Task goal
Every line of the data that contains the string "Radius" must be copied.

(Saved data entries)

:::::

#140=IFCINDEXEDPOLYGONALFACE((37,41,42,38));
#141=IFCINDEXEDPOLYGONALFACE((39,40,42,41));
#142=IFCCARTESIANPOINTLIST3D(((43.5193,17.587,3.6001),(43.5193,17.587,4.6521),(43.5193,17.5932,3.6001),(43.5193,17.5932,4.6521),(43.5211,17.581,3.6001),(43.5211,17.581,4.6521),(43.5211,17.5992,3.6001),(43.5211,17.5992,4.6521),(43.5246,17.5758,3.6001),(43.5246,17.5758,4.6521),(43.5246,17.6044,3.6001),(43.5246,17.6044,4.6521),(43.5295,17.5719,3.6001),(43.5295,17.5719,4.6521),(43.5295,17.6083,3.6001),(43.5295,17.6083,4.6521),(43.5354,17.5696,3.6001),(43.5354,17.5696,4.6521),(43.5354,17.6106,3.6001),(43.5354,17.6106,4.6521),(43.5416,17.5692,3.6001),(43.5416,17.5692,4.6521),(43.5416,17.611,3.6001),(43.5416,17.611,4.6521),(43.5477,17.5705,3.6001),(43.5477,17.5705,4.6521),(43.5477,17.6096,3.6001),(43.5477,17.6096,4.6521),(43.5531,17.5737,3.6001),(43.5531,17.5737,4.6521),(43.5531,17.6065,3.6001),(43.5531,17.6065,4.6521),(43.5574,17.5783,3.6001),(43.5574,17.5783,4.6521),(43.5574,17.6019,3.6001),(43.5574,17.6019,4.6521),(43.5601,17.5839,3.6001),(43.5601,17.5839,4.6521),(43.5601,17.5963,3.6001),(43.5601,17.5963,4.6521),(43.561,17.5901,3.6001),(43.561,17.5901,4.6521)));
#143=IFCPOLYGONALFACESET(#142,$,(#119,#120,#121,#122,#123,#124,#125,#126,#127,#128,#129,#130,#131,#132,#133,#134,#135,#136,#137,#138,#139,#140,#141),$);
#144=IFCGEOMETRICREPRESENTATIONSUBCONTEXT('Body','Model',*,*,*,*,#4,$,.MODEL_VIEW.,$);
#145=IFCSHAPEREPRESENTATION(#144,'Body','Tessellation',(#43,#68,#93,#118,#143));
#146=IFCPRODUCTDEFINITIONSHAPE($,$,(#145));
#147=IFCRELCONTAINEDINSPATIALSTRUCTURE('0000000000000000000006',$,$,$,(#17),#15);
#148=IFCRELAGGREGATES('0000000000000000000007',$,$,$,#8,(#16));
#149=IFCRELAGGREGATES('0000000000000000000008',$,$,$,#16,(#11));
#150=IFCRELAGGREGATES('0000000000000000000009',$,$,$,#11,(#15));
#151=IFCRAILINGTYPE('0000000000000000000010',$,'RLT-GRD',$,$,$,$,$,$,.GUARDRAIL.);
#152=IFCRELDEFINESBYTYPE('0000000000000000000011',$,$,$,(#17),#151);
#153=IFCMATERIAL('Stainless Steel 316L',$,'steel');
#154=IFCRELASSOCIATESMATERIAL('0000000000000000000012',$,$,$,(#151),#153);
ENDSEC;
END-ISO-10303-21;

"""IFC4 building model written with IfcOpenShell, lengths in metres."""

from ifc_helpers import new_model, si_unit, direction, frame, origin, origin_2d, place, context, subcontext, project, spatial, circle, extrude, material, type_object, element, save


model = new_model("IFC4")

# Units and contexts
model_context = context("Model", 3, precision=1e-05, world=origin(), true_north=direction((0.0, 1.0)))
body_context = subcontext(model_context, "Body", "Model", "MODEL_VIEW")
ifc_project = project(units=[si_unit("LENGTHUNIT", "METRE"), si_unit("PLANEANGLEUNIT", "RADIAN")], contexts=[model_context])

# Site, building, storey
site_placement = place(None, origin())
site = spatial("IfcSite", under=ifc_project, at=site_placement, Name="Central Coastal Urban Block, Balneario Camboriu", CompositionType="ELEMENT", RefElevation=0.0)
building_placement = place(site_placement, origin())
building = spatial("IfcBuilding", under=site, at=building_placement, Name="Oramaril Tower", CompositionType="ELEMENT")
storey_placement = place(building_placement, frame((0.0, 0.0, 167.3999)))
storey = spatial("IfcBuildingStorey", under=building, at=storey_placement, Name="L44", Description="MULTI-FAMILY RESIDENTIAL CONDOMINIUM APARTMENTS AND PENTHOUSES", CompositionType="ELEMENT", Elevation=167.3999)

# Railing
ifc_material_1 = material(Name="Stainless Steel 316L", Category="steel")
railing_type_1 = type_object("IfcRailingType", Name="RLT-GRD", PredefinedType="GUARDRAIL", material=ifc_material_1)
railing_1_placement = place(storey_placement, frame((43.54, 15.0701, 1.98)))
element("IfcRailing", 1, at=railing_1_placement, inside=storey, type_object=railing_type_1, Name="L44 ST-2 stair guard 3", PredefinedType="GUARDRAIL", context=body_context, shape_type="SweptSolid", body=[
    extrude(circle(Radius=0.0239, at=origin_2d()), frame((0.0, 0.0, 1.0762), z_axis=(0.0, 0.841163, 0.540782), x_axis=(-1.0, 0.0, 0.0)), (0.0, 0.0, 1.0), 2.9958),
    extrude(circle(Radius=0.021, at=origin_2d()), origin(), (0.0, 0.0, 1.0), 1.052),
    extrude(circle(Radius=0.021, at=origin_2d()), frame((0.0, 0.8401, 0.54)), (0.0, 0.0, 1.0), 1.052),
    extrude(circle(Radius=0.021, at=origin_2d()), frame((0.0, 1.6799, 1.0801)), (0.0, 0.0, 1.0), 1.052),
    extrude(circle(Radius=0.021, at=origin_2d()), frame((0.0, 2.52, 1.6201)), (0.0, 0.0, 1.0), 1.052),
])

:::::

Solution to this problem
    extrude(circle(Radius=0.0239, at=origin_2d()), frame((0.0, 0.0, 1.0762), z_axis=(0.0, 0.841163, 0.540782), x_axis=(-1.0, 0.0, 0.0)), (0.0, 0.0, 1.0), 2.9958),
    extrude(circle(Radius=0.021, at=origin_2d()), origin(), (0.0, 0.0, 1.0), 1.052),
    extrude(circle(Radius=0.021, at=origin_2d()), frame((0.0, 0.8401, 0.54)), (0.0, 0.0, 1.0), 1.052),
    extrude(circle(Radius=0.021, at=origin_2d()), frame((0.0, 1.6799, 1.0801)), (0.0, 0.0, 1.0), 1.052),
    extrude(circle(Radius=0.021, at=origin_2d()), frame((0.0, 2.52, 1.6201)), (0.0, 0.0, 1.0), 1.052),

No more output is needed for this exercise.